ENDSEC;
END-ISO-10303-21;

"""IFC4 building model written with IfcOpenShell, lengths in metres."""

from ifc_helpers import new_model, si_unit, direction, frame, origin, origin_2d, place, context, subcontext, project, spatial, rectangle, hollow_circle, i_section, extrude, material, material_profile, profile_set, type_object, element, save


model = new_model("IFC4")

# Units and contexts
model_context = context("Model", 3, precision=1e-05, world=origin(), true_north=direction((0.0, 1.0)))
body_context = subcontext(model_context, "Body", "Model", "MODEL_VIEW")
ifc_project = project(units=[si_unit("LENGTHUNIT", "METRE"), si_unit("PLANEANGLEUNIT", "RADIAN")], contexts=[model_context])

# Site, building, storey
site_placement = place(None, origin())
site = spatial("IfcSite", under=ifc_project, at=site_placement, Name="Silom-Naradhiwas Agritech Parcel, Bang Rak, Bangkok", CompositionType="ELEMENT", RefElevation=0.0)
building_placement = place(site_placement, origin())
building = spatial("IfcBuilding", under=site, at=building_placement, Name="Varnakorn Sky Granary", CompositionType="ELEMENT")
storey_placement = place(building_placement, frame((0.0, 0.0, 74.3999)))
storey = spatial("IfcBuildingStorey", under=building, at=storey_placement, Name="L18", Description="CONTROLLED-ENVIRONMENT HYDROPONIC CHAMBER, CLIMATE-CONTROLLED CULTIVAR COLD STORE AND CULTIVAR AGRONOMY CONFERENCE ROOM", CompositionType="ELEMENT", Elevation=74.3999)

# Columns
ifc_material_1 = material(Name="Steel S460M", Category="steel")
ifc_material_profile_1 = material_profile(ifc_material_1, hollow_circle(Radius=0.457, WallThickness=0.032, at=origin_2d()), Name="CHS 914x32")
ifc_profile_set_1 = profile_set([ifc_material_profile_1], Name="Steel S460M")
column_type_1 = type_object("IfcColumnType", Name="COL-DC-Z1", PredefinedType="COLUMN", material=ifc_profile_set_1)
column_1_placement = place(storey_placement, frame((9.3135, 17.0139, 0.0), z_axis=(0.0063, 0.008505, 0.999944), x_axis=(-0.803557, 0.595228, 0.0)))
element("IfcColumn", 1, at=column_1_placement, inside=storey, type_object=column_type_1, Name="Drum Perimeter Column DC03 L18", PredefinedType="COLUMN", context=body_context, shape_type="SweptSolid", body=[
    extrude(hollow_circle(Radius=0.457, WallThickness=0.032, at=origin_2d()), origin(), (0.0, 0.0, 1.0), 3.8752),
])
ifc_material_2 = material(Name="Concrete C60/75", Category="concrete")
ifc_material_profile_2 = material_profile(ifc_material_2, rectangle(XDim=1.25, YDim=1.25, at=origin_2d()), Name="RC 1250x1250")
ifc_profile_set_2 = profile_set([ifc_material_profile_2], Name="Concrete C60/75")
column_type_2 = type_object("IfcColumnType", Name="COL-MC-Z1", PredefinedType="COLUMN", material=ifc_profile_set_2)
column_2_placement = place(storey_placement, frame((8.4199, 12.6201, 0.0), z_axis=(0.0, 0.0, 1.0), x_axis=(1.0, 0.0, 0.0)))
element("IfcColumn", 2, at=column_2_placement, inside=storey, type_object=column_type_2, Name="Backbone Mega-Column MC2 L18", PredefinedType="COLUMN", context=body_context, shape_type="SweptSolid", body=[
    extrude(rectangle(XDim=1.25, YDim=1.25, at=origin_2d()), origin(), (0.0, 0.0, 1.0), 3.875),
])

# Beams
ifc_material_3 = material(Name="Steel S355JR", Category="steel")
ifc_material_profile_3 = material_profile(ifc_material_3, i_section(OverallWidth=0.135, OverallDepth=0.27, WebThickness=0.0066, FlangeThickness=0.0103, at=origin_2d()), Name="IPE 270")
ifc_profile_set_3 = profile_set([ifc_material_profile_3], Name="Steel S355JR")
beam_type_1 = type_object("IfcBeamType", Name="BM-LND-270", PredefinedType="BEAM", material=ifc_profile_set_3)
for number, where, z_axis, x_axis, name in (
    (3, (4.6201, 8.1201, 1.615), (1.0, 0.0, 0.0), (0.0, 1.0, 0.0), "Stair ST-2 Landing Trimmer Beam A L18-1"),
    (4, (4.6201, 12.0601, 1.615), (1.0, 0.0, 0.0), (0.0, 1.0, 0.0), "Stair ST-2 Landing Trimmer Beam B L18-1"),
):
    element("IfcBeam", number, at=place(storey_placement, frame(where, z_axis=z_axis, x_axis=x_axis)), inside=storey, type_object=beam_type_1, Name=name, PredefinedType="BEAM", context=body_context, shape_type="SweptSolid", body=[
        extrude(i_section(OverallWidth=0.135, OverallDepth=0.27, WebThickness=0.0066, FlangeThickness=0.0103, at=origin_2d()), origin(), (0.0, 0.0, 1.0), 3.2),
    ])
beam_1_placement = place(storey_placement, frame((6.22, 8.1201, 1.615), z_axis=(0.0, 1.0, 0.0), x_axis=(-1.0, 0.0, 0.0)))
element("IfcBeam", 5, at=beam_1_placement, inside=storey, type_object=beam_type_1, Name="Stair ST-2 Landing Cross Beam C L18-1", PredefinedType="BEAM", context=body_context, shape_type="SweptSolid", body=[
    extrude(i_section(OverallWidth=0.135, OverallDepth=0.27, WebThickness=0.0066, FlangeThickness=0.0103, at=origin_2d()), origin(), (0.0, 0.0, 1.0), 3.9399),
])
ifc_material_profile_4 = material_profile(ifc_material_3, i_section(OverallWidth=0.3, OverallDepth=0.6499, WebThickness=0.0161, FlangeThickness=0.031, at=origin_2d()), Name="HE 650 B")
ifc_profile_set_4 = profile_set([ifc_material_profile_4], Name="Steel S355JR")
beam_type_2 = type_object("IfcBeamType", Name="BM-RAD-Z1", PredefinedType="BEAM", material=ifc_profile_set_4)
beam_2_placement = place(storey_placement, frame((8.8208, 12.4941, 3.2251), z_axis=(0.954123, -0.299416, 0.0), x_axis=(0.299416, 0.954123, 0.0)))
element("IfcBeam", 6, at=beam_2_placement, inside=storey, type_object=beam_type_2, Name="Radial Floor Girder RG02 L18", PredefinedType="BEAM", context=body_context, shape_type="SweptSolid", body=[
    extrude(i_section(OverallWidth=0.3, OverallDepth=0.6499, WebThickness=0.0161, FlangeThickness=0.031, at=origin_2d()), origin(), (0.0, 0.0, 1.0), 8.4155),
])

▶ Exercise brief:
Each record should come back exactly as written.

▶ Your solution:
ENDSEC;
END-ISO-10303-21;

"""IFC4 building model written with IfcOpenShell, lengths in metres."""

from ifc_helpers import new_model, si_unit, direction, frame, origin, origin_2d, place, context, subcontext, project, spatial, rectangle, hollow_circle, i_section, extrude, material, material_profile, profile_set, type_object, element, save


model = new_model("IFC4")

# Units and contexts
model_context = context("Model", 3, precision=1e-05, world=origin(), true_north=direction((0.0, 1.0)))
body_context = subcontext(model_context, "Body", "Model", "MODEL_VIEW")
ifc_project = project(units=[si_unit("LENGTHUNIT", "METRE"), si_unit("PLANEANGLEUNIT", "RADIAN")], contexts=[model_context])

# Site, building, storey
site_placement = place(None, origin())
site = spatial("IfcSite", under=ifc_project, at=site_placement, Name="Silom-Naradhiwas Agritech Parcel, Bang Rak, Bangkok", CompositionType="ELEMENT", RefElevation=0.0)
building_placement = place(site_placement, origin())
building = spatial("IfcBuilding", under=site, at=building_placement, Name="Varnakorn Sky Granary", CompositionType="ELEMENT")
storey_placement = place(building_placement, frame((0.0, 0.0, 74.3999)))
storey = spatial("IfcBuildingStorey", under=building, at=storey_placement, Name="L18", Description="CONTROLLED-ENVIRONMENT HYDROPONIC CHAMBER, CLIMATE-CONTROLLED CULTIVAR COLD STORE AND CULTIVAR AGRONOMY CONFERENCE ROOM", CompositionType="ELEMENT", Elevation=74.3999)

# Columns
ifc_material_1 = material(Name="Steel S460M", Category="steel")
ifc_material_profile_1 = material_profile(ifc_material_1, hollow_circle(Radius=0.457, WallThickness=0.032, at=origin_2d()), Name="CHS 914x32")
ifc_profile_set_1 = profile_set([ifc_material_profile_1], Name="Steel S460M")
column_type_1 = type_object("IfcColumnType", Name="COL-DC-Z1", PredefinedType="COLUMN", material=ifc_profile_set_1)
column_1_placement = place(storey_placement, frame((9.3135, 17.0139, 0.0), z_axis=(0.0063, 0.008505, 0.999944), x_axis=(-0.803557, 0.595228, 0.0)))
element("IfcColumn", 1, at=column_1_placement, inside=storey, type_object=column_type_1, Name="Drum Perimeter Column DC03 L18", PredefinedType="COLUMN", context=body_context, shape_type="SweptSolid", body=[
    extrude(hollow_circle(Radius=0.457, WallThickness=0.032, at=origin_2d()), origin(), (0.0, 0.0, 1.0), 3.8752),
])
ifc_material_2 = material(Name="Concrete C60/75", Category="concrete")
ifc_material_profile_2 = material_profile(ifc_material_2, rectangle(XDim=1.25, YDim=1.25, at=origin_2d()), Name="RC 1250x1250")
ifc_profile_set_2 = profile_set([ifc_material_profile_2], Name="Concrete C60/75")
column_type_2 = type_object("IfcColumnType", Name="COL-MC-Z1", PredefinedType="COLUMN", material=ifc_profile_set_2)
column_2_placement = place(storey_placement, frame((8.4199, 12.6201, 0.0), z_axis=(0.0, 0.0, 1.0), x_axis=(1.0, 0.0, 0.0)))
element("IfcColumn", 2, at=column_2_placement, inside=storey, type_object=column_type_2, Name="Backbone Mega-Column MC2 L18", PredefinedType="COLUMN", context=body_context, shape_type="SweptSolid", body=[
    extrude(rectangle(XDim=1.25, YDim=1.25, at=origin_2d()), origin(), (0.0, 0.0, 1.0), 3.875),
])

# Beams
ifc_material_3 = material(Name="Steel S355JR", Category="steel")
ifc_material_profile_3 = material_profile(ifc_material_3, i_section(OverallWidth=0.135, OverallDepth=0.27, WebThickness=0.0066, FlangeThickness=0.0103, at=origin_2d()), Name="IPE 270")
ifc_profile_set_3 = profile_set([ifc_material_profile_3], Name="Steel S355JR")
beam_type_1 = type_object("IfcBeamType", Name="BM-LND-270", PredefinedType="BEAM", material=ifc_profile_set_3)
for number, where, z_axis, x_axis, name in (
    (3, (4.6201, 8.1201, 1.615), (1.0, 0.0, 0.0), (0.0, 1.0, 0.0), "Stair ST-2 Landing Trimmer Beam A L18-1"),
    (4, (4.6201, 12.0601, 1.615), (1.0, 0.0, 0.0), (0.0, 1.0, 0.0), "Stair ST-2 Landing Trimmer Beam B L18-1"),
):
    element("IfcBeam", number, at=place(storey_placement, frame(where, z_axis=z_axis, x_axis=x_axis)), inside=storey, type_object=beam_type_1, Name=name, PredefinedType="BEAM", context=body_context, shape_type="SweptSolid", body=[
        extrude(i_section(OverallWidth=0.135, OverallDepth=0.27, WebThickness=0.0066, FlangeThickness=0.0103, at=origin_2d()), origin(), (0.0, 0.0, 1.0), 3.2),
    ])
beam_1_placement = place(storey_placement, frame((6.22, 8.1201, 1.615), z_axis=(0.0, 1.0, 0.0), x_axis=(-1.0, 0.0, 0.0)))
element("IfcBeam", 5, at=beam_1_placement, inside=storey, type_object=beam_type_1, Name="Stair ST-2 Landing Cross Beam C L18-1", PredefinedType="BEAM", context=body_context, shape_type="SweptSolid", body=[
    extrude(i_section(OverallWidth=0.135, OverallDepth=0.27, WebThickness=0.0066, FlangeThickness=0.0103, at=origin_2d()), origin(), (0.0, 0.0, 1.0), 3.9399),
])
ifc_material_profile_4 = material_profile(ifc_material_3, i_section(OverallWidth=0.3, OverallDepth=0.6499, WebThickness=0.0161, FlangeThickness=0.031, at=origin_2d()), Name="HE 650 B")
ifc_profile_set_4 = profile_set([ifc_material_profile_4], Name="Steel S355JR")
beam_type_2 = type_object("IfcBeamType", Name="BM-RAD-Z1", PredefinedType="BEAM", material=ifc_profile_set_4)
beam_2_placement = place(storey_placement, frame((8.8208, 12.4941, 3.2251), z_axis=(0.954123, -0.299416, 0.0), x_axis=(0.299416, 0.954123, 0.0)))
element("IfcBeam", 6, at=beam_2_placement, inside=storey, type_object=beam_type_2, Name="Radial Floor Girder RG02 L18", PredefinedType="BEAM", context=body_context, shape_type="SweptSolid", body=[
    extrude(i_section(OverallWidth=0.3, OverallDepth=0.6499, WebThickness=0.0161, FlangeThickness=0.031, at=origin_2d()), origin(), (0.0, 0.0, 1.0), 8.4155),
])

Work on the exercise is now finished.